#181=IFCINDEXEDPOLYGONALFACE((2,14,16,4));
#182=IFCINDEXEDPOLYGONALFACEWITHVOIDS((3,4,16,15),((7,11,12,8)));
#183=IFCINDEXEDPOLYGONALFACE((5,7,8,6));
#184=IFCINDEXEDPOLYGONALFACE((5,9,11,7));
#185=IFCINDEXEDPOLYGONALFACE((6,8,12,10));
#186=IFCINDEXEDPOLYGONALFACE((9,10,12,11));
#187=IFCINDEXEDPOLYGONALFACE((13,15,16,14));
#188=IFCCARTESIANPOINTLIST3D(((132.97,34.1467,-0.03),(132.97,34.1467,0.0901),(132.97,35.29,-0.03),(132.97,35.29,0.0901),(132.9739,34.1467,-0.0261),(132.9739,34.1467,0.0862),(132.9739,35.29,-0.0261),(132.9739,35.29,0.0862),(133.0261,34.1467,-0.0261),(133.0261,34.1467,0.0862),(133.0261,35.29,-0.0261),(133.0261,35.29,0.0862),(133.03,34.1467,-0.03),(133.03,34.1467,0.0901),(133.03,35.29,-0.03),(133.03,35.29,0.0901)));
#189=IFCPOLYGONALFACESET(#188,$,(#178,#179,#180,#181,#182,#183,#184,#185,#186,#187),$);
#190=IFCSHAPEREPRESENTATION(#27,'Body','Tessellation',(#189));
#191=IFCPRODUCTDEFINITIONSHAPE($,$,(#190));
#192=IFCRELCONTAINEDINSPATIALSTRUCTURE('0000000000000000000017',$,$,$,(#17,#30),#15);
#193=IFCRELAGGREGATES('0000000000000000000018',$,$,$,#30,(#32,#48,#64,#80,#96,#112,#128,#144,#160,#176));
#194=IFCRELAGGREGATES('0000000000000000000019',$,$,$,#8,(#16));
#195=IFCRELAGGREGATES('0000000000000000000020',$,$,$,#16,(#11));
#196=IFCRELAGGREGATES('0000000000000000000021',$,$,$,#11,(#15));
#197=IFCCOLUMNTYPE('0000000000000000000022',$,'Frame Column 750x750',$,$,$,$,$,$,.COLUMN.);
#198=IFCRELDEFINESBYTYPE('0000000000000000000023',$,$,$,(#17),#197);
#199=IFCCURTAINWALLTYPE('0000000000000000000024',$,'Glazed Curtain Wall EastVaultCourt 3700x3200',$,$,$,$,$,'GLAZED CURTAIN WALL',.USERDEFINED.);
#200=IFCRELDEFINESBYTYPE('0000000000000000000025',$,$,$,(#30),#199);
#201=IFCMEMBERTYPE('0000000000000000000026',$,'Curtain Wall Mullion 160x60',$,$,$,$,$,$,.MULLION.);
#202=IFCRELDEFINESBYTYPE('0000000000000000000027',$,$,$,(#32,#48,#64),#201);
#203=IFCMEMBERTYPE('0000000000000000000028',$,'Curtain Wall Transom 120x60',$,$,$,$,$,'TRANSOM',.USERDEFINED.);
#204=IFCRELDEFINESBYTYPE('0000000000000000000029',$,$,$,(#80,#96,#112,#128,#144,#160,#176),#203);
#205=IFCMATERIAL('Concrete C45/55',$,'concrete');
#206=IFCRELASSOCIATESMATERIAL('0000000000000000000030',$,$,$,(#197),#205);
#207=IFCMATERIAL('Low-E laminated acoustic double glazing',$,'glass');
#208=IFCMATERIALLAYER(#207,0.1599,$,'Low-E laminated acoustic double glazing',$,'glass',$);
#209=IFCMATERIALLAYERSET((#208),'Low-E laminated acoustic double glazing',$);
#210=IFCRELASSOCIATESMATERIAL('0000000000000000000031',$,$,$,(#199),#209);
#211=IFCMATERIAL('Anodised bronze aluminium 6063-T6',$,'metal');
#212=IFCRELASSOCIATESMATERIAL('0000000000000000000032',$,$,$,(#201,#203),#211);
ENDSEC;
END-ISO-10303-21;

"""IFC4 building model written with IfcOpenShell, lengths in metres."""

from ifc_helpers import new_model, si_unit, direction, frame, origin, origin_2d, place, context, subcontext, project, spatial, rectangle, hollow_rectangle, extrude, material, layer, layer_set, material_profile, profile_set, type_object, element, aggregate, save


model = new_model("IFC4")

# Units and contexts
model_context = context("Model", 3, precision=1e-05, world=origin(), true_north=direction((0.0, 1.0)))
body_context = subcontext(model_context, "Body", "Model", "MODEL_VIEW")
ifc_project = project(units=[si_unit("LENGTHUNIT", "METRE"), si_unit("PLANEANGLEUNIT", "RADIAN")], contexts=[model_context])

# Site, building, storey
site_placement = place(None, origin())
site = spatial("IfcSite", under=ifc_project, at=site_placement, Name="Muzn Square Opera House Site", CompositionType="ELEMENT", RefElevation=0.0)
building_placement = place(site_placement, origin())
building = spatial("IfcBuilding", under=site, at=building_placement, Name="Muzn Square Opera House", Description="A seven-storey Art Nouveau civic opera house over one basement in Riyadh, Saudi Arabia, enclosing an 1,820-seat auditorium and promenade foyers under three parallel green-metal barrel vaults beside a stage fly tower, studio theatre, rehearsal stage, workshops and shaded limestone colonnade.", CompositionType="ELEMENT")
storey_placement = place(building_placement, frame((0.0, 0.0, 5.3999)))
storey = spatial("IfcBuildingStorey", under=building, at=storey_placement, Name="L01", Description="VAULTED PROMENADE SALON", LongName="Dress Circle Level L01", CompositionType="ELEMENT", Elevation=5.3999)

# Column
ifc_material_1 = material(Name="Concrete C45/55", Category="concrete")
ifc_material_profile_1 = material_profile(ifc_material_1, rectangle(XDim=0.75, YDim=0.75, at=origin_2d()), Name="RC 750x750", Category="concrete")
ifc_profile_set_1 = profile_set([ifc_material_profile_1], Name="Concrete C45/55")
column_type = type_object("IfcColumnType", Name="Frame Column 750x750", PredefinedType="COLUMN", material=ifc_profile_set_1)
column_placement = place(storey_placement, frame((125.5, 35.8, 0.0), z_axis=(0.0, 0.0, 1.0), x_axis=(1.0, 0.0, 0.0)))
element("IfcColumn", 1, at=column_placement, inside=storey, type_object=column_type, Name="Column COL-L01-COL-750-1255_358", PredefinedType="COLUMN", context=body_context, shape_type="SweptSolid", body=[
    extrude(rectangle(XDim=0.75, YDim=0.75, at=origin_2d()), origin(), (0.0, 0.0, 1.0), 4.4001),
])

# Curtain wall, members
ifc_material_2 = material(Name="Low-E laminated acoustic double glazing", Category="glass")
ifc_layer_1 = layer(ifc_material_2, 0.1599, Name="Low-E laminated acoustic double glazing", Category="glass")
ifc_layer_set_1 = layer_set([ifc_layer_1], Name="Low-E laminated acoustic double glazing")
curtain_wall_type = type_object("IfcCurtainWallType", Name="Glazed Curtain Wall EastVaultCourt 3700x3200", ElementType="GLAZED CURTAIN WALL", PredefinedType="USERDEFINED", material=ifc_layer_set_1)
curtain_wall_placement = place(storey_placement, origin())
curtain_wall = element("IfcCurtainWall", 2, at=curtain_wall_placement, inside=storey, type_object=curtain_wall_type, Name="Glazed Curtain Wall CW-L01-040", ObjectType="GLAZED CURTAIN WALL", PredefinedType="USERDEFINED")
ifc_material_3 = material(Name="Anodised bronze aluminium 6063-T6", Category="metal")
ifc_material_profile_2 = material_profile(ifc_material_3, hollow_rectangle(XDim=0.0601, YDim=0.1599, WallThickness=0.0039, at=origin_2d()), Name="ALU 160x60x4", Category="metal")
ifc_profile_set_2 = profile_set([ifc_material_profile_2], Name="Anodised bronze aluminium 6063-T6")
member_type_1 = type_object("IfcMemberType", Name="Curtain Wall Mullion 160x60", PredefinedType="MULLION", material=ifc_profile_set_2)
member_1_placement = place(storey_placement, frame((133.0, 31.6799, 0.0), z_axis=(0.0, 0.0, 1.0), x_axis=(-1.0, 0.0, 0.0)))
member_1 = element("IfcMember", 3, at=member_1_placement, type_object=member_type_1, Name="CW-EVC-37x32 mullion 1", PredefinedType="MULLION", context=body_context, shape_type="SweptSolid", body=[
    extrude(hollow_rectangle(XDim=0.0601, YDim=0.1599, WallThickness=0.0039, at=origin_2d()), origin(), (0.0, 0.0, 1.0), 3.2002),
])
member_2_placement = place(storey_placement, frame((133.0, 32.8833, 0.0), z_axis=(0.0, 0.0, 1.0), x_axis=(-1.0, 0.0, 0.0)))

====

> _Work request_
Report back every line of the entries in which "XDim" occurs.

> _Reply_
ifc_material_profile_1 = material_profile(ifc_material_1, rectangle(XDim=0.75, YDim=0.75, at=origin_2d()), Name="RC 750x750", Category="concrete")
    extrude(rectangle(XDim=0.75, YDim=0.75, at=origin_2d()), origin(), (0.0, 0.0, 1.0), 4.4001),
ifc_material_profile_2 = material_profile(ifc_material_3, hollow_rectangle(XDim=0.0601, YDim=0.1599, WallThickness=0.0039, at=origin_2d()), Name="ALU 160x60x4", Category="metal")
    extrude(hollow_rectangle(XDim=0.0601, YDim=0.1599, WallThickness=0.0039, at=origin_2d()), origin(), (0.0, 0.0, 1.0), 3.2002),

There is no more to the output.